[[ EXERCISE DATA, beginning ]]
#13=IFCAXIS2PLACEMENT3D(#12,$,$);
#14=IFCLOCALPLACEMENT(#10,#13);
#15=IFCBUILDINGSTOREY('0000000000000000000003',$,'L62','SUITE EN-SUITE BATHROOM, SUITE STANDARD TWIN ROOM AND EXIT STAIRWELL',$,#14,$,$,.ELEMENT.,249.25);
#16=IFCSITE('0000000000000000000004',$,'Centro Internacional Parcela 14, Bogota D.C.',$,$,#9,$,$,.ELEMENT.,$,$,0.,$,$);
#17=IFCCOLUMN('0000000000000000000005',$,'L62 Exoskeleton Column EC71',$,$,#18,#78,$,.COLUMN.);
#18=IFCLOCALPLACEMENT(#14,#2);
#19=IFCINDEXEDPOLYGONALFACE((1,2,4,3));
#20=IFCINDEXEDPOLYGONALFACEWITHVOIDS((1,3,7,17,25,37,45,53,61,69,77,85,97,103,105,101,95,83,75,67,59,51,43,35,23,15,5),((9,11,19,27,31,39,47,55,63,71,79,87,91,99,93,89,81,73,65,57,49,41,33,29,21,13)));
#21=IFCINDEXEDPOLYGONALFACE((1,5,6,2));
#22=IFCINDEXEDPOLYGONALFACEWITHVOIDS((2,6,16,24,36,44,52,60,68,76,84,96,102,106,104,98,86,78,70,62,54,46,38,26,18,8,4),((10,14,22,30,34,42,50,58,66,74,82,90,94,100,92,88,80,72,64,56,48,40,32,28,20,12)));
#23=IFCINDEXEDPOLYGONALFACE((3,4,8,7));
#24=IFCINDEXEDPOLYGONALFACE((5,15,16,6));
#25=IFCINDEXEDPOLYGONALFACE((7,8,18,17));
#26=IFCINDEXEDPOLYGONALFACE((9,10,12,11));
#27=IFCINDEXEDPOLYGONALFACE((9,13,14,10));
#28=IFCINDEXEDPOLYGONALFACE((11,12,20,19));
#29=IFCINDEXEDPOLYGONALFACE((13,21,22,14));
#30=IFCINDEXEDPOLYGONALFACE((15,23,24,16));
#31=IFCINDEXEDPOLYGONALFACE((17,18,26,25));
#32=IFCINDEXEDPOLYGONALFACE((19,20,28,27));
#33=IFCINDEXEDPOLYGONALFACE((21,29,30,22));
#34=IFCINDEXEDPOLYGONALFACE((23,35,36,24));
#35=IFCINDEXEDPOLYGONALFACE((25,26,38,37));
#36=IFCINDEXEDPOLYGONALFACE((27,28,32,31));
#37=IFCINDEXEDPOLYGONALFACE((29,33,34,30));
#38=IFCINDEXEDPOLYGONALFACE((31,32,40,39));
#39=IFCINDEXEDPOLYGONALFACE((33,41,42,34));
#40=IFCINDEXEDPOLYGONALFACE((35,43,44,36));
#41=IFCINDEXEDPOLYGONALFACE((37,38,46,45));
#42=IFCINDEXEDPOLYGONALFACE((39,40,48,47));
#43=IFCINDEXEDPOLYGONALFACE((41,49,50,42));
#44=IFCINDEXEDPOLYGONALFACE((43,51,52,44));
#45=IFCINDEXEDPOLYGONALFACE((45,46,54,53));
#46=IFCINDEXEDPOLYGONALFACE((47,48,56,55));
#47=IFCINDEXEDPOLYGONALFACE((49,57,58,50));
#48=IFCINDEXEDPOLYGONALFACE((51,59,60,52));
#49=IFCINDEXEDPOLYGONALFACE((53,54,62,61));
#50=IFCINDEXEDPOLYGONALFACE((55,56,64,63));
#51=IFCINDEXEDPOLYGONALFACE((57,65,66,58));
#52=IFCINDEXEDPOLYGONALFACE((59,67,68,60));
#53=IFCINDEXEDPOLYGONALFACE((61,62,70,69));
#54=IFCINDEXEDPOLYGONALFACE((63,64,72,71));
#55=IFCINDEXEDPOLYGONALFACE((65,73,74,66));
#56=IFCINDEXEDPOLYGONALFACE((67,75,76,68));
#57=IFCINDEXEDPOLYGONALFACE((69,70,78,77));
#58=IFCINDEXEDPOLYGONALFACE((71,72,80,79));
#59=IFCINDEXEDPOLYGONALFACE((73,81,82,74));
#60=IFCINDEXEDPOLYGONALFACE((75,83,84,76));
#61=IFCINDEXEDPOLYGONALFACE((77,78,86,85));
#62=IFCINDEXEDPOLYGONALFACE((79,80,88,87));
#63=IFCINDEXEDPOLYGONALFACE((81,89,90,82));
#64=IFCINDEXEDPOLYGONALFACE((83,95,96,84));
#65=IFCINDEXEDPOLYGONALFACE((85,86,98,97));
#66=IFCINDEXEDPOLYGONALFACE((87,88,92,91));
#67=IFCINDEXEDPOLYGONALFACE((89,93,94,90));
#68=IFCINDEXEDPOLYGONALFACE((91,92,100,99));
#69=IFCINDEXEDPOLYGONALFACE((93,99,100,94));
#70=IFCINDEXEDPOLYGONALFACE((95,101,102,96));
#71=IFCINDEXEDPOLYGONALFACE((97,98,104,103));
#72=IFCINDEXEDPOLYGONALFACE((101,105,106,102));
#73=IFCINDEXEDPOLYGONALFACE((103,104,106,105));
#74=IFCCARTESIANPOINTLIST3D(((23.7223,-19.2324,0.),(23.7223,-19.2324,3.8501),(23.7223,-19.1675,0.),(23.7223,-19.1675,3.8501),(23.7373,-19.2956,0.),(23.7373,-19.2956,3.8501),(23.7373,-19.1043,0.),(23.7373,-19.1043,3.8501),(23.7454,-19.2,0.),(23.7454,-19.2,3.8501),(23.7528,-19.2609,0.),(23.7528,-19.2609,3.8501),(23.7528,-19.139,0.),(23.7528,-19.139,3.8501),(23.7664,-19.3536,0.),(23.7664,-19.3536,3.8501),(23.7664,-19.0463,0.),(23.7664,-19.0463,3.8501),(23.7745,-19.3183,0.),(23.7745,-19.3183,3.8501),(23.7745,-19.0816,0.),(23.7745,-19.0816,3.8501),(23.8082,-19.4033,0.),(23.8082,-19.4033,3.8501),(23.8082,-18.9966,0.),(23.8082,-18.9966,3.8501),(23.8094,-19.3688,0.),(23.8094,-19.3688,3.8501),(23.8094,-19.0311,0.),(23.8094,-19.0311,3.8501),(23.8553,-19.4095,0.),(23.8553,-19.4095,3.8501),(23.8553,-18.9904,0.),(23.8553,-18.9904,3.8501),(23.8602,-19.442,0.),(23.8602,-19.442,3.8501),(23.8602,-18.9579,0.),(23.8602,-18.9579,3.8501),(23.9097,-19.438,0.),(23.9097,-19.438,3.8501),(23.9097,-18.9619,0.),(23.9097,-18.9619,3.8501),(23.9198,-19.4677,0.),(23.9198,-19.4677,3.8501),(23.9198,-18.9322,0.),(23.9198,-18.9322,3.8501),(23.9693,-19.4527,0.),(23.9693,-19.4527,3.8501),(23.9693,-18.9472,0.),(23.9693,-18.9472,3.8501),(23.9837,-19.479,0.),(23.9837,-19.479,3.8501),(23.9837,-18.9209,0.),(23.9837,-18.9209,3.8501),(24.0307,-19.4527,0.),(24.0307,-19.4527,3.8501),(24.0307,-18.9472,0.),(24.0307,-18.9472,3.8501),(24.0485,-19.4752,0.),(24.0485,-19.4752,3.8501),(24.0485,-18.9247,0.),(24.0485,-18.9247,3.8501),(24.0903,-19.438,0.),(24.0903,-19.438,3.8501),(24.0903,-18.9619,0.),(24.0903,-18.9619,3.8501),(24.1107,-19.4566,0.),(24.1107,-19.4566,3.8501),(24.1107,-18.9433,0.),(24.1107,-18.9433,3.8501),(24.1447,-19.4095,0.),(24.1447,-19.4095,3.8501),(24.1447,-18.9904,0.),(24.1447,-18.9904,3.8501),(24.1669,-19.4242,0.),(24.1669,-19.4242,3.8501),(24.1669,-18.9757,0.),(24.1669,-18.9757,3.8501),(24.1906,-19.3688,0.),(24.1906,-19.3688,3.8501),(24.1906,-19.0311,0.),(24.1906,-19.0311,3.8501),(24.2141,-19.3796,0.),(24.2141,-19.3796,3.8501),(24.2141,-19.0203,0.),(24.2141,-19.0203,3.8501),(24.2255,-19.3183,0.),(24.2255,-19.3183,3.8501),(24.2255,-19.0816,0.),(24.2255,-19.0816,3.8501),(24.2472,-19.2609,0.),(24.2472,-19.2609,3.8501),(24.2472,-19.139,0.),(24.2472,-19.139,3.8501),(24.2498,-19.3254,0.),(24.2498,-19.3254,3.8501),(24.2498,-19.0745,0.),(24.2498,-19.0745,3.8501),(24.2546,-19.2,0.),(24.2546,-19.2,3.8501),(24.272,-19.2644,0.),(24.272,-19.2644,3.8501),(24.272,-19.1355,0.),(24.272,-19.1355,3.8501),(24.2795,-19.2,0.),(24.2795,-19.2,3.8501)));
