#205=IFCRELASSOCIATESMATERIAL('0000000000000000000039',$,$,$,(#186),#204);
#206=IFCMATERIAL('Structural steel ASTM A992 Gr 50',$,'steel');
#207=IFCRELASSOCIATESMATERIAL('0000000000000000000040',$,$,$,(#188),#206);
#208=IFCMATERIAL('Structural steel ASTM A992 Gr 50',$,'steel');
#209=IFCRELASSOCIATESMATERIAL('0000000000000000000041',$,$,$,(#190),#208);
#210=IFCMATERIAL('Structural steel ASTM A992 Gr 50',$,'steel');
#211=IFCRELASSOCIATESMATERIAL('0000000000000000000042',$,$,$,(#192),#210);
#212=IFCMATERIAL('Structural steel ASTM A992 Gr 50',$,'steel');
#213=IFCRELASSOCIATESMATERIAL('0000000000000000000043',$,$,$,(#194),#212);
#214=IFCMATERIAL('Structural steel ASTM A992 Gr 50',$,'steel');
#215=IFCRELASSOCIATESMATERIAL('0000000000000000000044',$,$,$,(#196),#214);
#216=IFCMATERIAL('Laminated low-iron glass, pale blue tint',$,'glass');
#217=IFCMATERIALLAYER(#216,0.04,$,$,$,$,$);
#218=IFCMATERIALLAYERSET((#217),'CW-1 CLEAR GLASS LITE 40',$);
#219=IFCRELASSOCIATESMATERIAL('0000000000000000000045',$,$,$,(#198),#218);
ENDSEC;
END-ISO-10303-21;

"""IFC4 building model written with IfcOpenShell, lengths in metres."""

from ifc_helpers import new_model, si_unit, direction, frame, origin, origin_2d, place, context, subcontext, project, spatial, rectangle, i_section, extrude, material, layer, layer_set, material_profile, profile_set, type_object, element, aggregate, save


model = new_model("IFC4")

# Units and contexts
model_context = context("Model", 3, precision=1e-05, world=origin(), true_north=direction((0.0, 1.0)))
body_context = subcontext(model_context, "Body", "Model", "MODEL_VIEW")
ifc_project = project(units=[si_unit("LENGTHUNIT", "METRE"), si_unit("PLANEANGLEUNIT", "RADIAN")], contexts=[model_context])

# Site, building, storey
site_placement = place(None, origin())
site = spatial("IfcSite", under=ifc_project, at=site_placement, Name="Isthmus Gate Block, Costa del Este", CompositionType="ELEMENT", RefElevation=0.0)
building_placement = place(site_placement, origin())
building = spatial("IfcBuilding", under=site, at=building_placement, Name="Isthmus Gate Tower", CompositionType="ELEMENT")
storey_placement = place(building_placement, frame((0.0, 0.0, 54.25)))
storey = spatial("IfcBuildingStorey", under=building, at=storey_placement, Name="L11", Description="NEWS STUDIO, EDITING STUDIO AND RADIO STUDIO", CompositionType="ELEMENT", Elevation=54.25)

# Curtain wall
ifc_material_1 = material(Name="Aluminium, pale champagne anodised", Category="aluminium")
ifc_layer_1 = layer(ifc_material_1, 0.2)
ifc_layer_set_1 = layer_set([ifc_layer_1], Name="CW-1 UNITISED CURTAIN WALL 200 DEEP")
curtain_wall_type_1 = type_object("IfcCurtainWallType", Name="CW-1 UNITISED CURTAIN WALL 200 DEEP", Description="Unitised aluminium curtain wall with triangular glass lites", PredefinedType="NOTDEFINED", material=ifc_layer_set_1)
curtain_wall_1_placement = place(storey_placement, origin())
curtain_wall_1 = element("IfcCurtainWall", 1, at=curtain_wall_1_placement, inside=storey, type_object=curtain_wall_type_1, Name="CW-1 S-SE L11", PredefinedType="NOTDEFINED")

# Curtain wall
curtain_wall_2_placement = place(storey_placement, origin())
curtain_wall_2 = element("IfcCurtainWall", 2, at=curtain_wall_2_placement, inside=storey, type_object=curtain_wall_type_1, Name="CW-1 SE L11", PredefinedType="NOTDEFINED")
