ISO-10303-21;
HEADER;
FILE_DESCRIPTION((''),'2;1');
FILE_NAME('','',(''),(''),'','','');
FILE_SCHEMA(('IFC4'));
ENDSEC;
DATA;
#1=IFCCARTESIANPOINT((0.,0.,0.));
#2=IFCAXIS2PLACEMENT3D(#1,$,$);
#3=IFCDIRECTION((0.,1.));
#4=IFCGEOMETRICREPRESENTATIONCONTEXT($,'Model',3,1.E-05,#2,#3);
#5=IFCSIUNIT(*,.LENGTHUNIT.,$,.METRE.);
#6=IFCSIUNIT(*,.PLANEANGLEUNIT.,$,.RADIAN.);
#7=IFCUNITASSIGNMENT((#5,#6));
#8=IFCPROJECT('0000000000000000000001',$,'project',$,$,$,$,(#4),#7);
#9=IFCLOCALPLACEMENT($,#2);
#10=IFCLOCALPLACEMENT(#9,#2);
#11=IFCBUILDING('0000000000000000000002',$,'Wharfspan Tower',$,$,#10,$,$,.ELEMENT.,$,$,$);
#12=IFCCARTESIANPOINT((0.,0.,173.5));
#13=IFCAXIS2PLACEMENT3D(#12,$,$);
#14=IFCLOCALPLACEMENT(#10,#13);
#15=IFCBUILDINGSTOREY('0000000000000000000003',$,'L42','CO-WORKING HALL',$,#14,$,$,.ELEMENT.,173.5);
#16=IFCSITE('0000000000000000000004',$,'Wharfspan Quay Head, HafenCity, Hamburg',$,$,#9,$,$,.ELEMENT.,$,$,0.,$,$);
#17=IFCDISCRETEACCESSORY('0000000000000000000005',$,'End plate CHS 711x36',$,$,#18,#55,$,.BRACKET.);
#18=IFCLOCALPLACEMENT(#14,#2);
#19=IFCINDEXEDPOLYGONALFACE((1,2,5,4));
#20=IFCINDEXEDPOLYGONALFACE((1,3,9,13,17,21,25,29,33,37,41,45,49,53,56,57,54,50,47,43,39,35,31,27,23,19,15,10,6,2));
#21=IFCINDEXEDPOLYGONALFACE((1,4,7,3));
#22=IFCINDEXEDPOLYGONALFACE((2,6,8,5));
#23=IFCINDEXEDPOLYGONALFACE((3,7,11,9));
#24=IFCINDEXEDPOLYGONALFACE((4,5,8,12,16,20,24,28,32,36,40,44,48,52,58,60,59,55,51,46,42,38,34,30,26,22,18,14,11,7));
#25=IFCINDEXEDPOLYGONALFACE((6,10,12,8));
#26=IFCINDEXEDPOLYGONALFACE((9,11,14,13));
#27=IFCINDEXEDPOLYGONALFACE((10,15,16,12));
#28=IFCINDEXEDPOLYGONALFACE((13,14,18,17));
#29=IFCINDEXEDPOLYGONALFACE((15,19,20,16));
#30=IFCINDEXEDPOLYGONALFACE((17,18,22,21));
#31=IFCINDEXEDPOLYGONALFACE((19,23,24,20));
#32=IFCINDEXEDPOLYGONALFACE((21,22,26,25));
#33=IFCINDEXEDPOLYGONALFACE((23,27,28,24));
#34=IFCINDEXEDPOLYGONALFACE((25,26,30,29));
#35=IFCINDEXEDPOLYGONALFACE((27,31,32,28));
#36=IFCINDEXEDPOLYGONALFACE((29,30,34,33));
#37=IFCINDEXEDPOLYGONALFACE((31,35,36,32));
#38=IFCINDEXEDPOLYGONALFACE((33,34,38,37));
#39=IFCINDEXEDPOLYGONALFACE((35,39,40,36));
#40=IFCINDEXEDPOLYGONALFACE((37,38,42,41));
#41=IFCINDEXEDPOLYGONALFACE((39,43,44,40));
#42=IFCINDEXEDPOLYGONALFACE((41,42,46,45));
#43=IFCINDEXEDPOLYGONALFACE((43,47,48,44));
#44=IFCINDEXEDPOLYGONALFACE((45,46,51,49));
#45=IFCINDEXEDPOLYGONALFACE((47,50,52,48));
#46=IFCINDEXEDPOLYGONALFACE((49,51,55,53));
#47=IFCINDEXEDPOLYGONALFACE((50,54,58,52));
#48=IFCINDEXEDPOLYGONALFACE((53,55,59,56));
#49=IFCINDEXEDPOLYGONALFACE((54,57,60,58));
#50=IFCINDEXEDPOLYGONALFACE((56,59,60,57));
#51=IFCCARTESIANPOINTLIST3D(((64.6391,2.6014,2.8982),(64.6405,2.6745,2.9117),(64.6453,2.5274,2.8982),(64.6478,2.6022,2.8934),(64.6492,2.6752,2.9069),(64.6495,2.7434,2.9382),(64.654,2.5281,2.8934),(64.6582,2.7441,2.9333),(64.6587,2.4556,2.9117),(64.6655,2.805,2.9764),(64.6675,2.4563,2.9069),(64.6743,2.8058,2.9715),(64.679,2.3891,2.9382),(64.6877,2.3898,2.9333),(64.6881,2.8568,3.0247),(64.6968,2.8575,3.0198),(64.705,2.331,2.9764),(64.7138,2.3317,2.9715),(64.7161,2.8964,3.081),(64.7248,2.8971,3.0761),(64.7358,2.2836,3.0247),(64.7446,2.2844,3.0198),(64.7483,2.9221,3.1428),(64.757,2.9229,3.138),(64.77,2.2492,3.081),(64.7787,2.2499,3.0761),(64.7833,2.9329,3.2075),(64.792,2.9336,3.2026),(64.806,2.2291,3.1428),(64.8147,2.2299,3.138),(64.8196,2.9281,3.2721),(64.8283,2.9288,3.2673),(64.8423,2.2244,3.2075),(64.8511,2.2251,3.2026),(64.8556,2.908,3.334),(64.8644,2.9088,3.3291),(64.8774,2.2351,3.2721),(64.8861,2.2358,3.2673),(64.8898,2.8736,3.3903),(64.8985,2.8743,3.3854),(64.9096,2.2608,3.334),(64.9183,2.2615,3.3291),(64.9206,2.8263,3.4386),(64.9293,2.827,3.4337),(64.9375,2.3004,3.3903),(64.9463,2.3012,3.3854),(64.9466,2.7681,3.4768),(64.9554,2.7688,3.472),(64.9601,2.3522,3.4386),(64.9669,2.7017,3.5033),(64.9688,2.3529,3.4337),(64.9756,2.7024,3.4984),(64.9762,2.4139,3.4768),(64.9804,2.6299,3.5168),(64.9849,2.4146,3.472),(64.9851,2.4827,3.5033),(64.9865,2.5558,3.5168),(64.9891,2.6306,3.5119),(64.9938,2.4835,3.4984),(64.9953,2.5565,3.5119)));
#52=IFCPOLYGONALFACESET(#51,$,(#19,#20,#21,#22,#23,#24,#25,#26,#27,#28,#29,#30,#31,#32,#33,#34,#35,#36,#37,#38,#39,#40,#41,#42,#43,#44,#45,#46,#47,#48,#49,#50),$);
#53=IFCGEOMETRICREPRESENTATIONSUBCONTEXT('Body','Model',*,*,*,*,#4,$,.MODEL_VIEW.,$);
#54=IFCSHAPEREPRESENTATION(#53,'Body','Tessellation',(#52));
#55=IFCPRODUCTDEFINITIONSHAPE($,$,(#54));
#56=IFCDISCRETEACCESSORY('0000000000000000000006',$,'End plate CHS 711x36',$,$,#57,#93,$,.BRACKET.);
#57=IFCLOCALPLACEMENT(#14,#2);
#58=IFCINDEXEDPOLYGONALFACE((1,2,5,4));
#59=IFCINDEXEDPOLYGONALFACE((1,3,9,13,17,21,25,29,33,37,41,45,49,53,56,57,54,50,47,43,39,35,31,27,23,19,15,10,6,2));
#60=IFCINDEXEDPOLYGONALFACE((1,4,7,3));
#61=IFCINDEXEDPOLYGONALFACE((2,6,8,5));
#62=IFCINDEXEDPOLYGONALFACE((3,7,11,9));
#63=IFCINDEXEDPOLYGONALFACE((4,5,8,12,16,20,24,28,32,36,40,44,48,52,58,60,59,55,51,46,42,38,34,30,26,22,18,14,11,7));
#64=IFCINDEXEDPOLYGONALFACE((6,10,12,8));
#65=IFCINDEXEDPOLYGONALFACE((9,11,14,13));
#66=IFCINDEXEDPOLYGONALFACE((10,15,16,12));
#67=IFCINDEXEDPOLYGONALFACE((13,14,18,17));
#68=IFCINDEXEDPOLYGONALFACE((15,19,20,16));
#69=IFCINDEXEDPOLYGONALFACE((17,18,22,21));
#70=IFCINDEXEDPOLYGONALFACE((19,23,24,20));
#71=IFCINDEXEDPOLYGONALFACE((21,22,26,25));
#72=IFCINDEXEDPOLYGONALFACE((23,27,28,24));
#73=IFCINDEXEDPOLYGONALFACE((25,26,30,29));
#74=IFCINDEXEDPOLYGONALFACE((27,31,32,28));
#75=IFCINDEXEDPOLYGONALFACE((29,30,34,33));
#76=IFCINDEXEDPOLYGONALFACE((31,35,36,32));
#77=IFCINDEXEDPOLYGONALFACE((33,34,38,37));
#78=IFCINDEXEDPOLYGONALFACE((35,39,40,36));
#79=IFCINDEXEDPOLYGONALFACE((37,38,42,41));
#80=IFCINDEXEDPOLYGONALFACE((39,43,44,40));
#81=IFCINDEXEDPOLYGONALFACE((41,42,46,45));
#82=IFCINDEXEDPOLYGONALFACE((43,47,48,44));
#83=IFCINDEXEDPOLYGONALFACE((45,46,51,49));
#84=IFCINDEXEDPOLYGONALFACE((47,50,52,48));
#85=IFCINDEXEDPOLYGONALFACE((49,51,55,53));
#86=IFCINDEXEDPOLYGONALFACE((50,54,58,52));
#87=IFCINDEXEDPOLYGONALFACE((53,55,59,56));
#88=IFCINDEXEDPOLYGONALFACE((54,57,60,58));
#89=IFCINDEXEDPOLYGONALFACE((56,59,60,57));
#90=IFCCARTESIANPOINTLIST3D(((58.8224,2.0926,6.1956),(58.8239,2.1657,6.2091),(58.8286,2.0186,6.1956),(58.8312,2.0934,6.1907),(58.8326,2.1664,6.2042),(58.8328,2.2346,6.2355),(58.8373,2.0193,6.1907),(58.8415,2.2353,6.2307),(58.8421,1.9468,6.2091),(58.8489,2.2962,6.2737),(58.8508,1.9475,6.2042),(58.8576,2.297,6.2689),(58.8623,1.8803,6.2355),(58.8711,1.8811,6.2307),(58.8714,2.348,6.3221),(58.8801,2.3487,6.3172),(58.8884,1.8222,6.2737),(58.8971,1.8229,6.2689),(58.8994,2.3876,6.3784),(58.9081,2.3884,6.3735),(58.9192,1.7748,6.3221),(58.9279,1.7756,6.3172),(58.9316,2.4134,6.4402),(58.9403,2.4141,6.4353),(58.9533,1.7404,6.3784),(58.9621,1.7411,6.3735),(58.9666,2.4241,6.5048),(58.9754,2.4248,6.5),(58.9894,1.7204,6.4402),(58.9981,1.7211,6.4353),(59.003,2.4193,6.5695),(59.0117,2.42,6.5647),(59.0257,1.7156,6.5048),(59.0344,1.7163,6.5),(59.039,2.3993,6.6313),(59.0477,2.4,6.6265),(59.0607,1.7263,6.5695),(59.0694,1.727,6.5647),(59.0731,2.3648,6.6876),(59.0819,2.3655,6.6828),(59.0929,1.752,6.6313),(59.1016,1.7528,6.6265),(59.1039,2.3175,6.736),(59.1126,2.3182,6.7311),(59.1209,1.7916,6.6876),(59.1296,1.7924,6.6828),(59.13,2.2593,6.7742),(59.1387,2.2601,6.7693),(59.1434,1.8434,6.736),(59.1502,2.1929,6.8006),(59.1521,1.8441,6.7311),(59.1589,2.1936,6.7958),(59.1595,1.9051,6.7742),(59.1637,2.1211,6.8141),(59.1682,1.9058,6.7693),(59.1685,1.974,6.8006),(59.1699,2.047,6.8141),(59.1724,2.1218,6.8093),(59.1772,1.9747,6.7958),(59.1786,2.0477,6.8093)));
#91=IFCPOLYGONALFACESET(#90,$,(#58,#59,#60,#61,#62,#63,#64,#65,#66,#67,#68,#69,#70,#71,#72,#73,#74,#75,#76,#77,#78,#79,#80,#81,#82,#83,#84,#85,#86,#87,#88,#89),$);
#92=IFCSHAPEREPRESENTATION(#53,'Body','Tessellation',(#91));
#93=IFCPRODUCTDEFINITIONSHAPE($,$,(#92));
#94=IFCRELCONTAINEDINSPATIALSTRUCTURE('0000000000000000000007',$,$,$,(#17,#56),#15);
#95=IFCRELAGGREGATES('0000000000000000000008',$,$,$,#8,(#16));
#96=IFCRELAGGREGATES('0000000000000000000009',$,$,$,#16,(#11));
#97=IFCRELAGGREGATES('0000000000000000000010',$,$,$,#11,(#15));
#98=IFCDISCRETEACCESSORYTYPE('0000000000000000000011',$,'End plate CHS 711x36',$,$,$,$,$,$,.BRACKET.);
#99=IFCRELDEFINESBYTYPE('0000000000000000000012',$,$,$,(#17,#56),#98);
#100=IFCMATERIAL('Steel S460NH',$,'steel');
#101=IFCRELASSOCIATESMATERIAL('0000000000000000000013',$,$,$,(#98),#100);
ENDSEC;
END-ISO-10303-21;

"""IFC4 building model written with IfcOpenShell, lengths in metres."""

from ifc_helpers import new_model, si_unit, direction, frame, origin, origin_2d, place, context, subcontext, project, spatial, circle, extrude, material, material_profile, profile_set, type_object, element, save


model = new_model("IFC4")

# Units and contexts
model_context = context("Model", 3, precision=1e-05, world=origin(), true_north=direction((0.0, 1.0)))
body_context = subcontext(model_context, "Body", "Model", "MODEL_VIEW")
ifc_project = project(units=[si_unit("LENGTHUNIT", "METRE"), si_unit("PLANEANGLEUNIT", "RADIAN")], contexts=[model_context])

# Site, building, storey
site_placement = place(None, origin())
site = spatial("IfcSite", under=ifc_project, at=site_placement, Name="Wharfspan Quay Head, HafenCity, Hamburg", CompositionType="ELEMENT", RefElevation=0.0)
building_placement = place(site_placement, origin())
building = spatial("IfcBuilding", under=site, at=building_placement, Name="Wharfspan Tower", CompositionType="ELEMENT")
storey_placement = place(building_placement, frame((0.0, 0.0, 173.5)))
storey = spatial("IfcBuildingStorey", under=building, at=storey_placement, Name="L42", Description="CO-WORKING HALL", CompositionType="ELEMENT", Elevation=173.5)

# Shared definitions
ifc_material_1 = material(Name="Steel S460NH", Category="steel")

# Discrete accessories
ifc_material_profile_1 = material_profile(ifc_material_1, circle(Radius=0.3555, at=origin_2d()))
ifc_profile_set_1 = profile_set([ifc_material_profile_1], Name="Steel S460NH")
discrete_accessory_type = type_object("IfcDiscreteAccessoryType", Name="End plate CHS 711x36", PredefinedType="BRACKET", material=ifc_profile_set_1)
for number, where, z_axis, x_axis, name in (
    (1, (64.8215, 2.5793, 3.2026), (-0.871847, -0.072654, 0.484359), (0.083044, -0.996547, -0.000003), "End plate CHS 711x36"),
    (2, (59.0049, 2.0706, 6.5), (-0.871847, -0.072654, 0.484359), (0.083044, -0.996547, -0.000003), "End plate CHS 711x36"),
):
    element("IfcDiscreteAccessory", number, at=place(storey_placement, frame(where, z_axis=z_axis, x_axis=x_axis)), inside=storey, type_object=discrete_accessory_type, Name=name, PredefinedType="BRACKET", context=body_context, shape_type="SweptSolid", body=[
        extrude(circle(Radius=0.3555, at=origin_2d()), origin(), (0.0, 0.0, 1.0), 0.01),
    ])

save(model, "model.ifc")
[[ EXERCISE DATA, end ]]
### TASK
Copy out the range of lines above starting at the line with "ifc_layer_1 = layer(ifc_material_1, 0.2)" and ending at the line with "curtain_wall_2_placement = place(storey_placement, origin())", exactly and including both.

### WRITTEN REPLY
ifc_layer_1 = layer(ifc_material_1, 0.2)
ifc_layer_set_1 = layer_set([ifc_layer_1], Name="CW-1 UNITISED CURTAIN WALL 200 DEEP")
curtain_wall_type_1 = type_object("IfcCurtainWallType", Name="CW-1 UNITISED CURTAIN WALL 200 DEEP", Description="Unitised aluminium curtain wall with triangular glass lites", PredefinedType="NOTDEFINED", material=ifc_layer_set_1)
curtain_wall_1_placement = place(storey_placement, origin())
curtain_wall_1 = element("IfcCurtainWall", 1, at=curtain_wall_1_placement, inside=storey, type_object=curtain_wall_type_1, Name="CW-1 S-SE L11", PredefinedType="NOTDEFINED")

# Curtain wall
curtain_wall_2_placement = place(storey_placement, origin())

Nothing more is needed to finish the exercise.